> _How to complete this task_
Scan the records beneath this line for the line holding "#26=IFCPOLYGONALFACESET(#25,$,(#19,#20,#21,#22,#23,#24),$);" and the line holding "#45=IFCRELAGGREGATES('0000000000000000000010',$,$,$,#11,(#15));", then transcribe exactly those two and all lines between.

> _Data shown_

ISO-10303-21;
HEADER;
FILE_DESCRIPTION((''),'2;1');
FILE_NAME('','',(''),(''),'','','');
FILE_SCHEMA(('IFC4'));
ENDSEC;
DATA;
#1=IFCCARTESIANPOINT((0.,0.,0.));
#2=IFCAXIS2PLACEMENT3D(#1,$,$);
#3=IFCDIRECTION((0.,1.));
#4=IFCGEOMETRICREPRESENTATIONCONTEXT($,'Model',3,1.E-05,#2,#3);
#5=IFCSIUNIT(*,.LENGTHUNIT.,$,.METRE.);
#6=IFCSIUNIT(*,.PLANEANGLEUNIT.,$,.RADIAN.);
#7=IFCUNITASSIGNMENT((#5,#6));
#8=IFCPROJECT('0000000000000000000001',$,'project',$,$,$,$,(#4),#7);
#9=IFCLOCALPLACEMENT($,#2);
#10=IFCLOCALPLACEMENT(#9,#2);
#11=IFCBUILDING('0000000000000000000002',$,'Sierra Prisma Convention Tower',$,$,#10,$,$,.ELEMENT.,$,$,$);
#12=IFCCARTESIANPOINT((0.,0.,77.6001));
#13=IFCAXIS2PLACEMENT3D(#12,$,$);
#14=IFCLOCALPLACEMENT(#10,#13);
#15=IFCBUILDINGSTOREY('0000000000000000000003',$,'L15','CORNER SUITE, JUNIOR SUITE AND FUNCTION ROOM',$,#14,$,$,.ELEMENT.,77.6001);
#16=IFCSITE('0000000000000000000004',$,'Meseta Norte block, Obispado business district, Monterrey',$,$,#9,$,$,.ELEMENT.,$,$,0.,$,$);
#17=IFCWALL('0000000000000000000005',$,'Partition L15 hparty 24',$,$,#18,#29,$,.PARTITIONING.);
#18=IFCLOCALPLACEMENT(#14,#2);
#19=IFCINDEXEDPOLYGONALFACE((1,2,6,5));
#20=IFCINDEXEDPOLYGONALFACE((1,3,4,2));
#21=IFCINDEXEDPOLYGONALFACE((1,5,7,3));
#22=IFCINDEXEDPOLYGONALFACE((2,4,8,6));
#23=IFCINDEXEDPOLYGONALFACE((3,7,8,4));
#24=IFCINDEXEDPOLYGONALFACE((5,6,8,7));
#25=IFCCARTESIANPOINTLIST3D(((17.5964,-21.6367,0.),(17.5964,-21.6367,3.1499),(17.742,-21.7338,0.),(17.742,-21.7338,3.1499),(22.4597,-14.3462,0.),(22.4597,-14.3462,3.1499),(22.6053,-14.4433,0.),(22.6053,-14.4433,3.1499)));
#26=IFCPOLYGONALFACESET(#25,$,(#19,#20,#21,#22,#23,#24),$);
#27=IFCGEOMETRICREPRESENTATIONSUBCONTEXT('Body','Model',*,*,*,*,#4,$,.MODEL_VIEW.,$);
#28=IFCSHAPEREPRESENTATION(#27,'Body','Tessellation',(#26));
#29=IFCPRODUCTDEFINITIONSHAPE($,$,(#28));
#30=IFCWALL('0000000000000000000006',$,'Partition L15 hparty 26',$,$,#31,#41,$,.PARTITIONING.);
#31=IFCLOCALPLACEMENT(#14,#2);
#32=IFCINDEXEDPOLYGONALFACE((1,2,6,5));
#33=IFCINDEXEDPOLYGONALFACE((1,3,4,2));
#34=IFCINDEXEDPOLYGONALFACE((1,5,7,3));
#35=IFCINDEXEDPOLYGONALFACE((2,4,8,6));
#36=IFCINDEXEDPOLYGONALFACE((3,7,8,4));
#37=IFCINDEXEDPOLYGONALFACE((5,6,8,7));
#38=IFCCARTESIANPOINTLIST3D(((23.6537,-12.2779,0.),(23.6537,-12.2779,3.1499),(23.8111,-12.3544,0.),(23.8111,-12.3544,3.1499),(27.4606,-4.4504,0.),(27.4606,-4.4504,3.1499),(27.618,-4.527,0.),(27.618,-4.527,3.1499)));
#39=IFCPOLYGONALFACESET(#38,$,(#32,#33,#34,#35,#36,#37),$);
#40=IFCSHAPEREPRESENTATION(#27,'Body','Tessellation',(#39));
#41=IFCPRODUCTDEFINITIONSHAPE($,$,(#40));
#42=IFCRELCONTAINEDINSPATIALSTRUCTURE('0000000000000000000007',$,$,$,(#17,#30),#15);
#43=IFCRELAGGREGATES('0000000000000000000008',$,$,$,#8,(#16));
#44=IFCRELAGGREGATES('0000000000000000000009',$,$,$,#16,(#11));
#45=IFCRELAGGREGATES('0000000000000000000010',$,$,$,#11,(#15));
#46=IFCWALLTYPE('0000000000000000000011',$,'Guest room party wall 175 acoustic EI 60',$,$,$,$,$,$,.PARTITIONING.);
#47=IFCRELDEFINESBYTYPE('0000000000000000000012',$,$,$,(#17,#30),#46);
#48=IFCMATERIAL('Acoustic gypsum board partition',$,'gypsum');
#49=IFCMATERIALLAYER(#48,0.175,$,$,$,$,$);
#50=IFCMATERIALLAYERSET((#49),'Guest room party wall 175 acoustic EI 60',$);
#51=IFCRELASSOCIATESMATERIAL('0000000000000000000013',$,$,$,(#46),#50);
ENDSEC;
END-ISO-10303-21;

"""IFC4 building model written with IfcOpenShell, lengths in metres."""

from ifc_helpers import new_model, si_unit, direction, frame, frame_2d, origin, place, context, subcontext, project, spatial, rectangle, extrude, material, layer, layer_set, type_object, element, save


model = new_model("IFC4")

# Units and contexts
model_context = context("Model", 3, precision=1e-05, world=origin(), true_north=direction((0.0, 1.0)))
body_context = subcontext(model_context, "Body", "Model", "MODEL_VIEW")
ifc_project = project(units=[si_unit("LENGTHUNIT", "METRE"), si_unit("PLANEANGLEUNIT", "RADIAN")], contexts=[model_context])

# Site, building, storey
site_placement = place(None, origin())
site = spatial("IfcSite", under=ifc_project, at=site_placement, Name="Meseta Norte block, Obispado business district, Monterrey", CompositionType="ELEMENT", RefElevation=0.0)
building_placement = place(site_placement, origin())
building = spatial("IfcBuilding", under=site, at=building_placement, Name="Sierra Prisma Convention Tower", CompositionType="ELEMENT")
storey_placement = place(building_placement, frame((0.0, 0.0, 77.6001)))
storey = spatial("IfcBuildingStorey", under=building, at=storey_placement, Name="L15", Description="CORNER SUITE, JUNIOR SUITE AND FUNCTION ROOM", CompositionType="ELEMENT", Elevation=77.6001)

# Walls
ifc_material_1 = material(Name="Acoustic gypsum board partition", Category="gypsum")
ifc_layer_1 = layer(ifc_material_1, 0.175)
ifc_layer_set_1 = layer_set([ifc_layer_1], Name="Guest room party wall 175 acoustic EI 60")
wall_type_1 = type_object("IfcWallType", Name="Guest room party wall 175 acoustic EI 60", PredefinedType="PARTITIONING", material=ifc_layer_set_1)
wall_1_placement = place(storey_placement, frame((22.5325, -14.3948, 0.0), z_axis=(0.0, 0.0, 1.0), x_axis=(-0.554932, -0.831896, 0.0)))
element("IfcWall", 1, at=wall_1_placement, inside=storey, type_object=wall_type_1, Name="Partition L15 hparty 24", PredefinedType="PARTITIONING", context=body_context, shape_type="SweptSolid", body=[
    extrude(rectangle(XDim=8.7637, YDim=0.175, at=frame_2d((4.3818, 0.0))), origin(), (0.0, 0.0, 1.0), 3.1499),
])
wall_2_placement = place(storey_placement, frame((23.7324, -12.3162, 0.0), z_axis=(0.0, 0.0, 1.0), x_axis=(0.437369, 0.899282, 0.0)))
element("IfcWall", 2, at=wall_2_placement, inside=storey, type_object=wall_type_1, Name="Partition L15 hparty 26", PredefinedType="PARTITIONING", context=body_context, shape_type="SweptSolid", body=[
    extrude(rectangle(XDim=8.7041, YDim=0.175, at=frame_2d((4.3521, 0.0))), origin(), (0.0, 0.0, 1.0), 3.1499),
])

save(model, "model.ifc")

> _Response for this exercise_
#26=IFCPOLYGONALFACESET(#25,$,(#19,#20,#21,#22,#23,#24),$);
#27=IFCGEOMETRICREPRESENTATIONSUBCONTEXT('Body','Model',*,*,*,*,#4,$,.MODEL_VIEW.,$);
#28=IFCSHAPEREPRESENTATION(#27,'Body','Tessellation',(#26));
#29=IFCPRODUCTDEFINITIONSHAPE($,$,(#28));
#30=IFCWALL('0000000000000000000006',$,'Partition L15 hparty 26',$,$,#31,#41,$,.PARTITIONING.);
#31=IFCLOCALPLACEMENT(#14,#2);
#32=IFCINDEXEDPOLYGONALFACE((1,2,6,5));
#33=IFCINDEXEDPOLYGONALFACE((1,3,4,2));
#34=IFCINDEXEDPOLYGONALFACE((1,5,7,3));
#35=IFCINDEXEDPOLYGONALFACE((2,4,8,6));
#36=IFCINDEXEDPOLYGONALFACE((3,7,8,4));
#37=IFCINDEXEDPOLYGONALFACE((5,6,8,7));
#38=IFCCARTESIANPOINTLIST3D(((23.6537,-12.2779,0.),(23.6537,-12.2779,3.1499),(23.8111,-12.3544,0.),(23.8111,-12.3544,3.1499),(27.4606,-4.4504,0.),(27.4606,-4.4504,3.1499),(27.618,-4.527,0.),(27.618,-4.527,3.1499)));
#39=IFCPOLYGONALFACESET(#38,$,(#32,#33,#34,#35,#36,#37),$);
#40=IFCSHAPEREPRESENTATION(#27,'Body','Tessellation',(#39));
#41=IFCPRODUCTDEFINITIONSHAPE($,$,(#40));
#42=IFCRELCONTAINEDINSPATIALSTRUCTURE('0000000000000000000007',$,$,$,(#17,#30),#15);
#43=IFCRELAGGREGATES('0000000000000000000008',$,$,$,#8,(#16));
#44=IFCRELAGGREGATES('0000000000000000000009',$,$,$,#16,(#11));
#45=IFCRELAGGREGATES('0000000000000000000010',$,$,$,#11,(#15));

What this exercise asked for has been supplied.